### Information shown
****************************************

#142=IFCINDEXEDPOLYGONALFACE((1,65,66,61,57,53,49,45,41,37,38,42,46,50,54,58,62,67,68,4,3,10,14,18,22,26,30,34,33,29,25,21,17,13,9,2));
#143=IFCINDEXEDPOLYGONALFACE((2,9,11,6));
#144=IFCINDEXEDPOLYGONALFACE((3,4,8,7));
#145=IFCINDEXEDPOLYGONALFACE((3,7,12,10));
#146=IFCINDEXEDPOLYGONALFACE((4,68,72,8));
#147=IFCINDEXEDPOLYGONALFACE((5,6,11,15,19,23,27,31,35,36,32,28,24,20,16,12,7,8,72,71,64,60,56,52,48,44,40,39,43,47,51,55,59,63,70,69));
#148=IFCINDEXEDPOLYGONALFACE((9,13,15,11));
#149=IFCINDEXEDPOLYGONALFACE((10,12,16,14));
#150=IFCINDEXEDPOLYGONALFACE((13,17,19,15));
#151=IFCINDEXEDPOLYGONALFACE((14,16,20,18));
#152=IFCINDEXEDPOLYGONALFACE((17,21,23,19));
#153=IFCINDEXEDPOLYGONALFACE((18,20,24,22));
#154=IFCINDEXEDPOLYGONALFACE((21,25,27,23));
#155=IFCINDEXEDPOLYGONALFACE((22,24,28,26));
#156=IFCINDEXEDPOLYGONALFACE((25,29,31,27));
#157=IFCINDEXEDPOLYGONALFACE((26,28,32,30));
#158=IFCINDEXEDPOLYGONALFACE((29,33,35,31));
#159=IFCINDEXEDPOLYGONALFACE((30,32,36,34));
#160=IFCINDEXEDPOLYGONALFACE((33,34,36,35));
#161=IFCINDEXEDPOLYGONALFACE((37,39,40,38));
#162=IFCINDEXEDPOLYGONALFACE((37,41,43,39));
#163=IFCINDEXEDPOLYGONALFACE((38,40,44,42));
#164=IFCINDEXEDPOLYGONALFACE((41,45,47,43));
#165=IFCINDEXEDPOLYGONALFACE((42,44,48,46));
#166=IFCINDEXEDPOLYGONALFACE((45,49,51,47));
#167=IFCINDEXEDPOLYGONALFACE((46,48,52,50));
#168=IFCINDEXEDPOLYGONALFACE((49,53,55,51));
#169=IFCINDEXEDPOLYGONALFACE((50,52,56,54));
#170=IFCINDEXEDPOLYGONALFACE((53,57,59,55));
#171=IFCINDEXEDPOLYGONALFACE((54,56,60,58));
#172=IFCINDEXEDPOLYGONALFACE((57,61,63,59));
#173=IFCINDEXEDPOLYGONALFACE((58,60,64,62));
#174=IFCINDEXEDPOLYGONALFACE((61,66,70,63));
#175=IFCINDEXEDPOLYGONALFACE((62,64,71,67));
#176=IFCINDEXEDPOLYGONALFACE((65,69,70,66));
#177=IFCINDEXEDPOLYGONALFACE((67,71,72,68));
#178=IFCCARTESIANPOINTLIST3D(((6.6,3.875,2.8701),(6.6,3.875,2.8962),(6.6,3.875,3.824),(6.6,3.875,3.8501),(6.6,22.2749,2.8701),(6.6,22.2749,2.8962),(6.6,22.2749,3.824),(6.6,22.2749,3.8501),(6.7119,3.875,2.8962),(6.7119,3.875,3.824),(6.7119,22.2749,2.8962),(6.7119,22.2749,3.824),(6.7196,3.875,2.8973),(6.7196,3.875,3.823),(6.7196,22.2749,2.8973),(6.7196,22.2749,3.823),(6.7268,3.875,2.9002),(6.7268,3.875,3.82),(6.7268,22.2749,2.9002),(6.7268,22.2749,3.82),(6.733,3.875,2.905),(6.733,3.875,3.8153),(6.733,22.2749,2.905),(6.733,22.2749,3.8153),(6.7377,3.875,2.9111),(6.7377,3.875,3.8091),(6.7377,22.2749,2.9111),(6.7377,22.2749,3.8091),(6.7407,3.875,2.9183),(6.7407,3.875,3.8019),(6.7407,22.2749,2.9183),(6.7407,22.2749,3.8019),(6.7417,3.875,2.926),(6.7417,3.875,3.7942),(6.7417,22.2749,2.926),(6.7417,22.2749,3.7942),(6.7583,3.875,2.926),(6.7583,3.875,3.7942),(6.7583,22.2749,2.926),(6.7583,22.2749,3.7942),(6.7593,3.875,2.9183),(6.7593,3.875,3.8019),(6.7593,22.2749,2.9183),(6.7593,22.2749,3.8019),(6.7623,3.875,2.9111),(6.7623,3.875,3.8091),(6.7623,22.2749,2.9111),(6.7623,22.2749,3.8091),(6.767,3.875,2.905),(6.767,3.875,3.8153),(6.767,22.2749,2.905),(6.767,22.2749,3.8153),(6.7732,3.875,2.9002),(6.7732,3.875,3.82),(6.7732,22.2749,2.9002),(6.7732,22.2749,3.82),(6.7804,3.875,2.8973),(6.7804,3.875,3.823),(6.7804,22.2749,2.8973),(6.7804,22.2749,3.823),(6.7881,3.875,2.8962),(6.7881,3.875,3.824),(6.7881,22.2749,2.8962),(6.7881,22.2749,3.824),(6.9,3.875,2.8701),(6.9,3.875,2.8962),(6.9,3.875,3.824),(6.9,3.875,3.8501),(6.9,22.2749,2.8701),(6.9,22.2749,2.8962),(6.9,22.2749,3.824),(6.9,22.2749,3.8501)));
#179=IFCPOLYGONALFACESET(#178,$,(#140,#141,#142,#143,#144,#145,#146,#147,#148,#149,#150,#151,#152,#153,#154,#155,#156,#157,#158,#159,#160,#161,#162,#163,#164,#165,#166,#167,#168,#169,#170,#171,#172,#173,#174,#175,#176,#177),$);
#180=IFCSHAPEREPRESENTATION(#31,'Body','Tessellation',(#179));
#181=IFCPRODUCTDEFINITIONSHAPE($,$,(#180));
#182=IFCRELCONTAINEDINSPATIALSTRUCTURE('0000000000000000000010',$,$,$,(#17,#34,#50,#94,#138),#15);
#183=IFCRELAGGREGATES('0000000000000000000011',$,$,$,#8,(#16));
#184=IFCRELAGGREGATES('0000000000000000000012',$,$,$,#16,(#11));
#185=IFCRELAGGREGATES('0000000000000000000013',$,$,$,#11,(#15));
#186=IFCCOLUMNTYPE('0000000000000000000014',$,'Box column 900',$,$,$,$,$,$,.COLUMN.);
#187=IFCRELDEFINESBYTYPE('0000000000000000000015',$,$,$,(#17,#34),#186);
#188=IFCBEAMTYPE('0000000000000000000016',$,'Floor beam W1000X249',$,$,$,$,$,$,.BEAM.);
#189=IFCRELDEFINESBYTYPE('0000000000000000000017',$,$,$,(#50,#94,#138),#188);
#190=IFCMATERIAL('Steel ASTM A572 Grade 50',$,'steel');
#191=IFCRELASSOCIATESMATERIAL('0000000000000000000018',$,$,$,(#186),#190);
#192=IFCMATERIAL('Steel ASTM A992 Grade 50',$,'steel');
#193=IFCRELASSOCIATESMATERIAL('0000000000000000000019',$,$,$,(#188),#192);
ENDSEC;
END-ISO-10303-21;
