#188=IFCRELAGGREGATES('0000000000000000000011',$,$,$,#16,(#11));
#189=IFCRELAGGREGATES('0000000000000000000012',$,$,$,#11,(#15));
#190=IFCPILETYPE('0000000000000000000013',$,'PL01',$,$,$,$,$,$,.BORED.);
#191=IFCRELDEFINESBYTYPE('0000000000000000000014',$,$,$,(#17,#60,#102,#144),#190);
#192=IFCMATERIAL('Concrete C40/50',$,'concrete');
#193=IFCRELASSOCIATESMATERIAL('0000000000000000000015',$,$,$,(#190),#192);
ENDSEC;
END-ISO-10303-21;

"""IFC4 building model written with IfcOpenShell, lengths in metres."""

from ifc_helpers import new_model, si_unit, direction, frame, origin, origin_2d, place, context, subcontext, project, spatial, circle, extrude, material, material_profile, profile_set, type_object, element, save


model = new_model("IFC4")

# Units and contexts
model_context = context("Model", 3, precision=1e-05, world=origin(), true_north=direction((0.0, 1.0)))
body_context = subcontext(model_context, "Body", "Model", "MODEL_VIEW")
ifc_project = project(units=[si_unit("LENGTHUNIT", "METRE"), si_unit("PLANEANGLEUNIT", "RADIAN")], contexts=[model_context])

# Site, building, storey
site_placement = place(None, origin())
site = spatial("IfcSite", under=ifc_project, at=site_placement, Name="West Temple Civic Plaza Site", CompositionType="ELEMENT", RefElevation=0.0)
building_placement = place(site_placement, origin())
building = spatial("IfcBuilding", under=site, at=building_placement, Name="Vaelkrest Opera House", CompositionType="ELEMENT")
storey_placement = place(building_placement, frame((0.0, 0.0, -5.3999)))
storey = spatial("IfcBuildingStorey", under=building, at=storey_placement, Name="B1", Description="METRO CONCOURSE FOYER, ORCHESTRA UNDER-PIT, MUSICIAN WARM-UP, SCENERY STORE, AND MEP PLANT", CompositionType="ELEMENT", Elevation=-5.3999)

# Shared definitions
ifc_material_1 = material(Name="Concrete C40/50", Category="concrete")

****************************************

### The task
Starting from the records above, copy each line where the string "under" is found.

### Your solution
site = spatial("IfcSite", under=ifc_project, at=site_placement, Name="West Temple Civic Plaza Site", CompositionType="ELEMENT", RefElevation=0.0)
building = spatial("IfcBuilding", under=site, at=building_placement, Name="Vaelkrest Opera House", CompositionType="ELEMENT")
storey = spatial("IfcBuildingStorey", under=building, at=storey_placement, Name="B1", Description="METRO CONCOURSE FOYER, ORCHESTRA UNDER-PIT, MUSICIAN WARM-UP, SCENERY STORE, AND MEP PLANT", CompositionType="ELEMENT", Elevation=-5.3999)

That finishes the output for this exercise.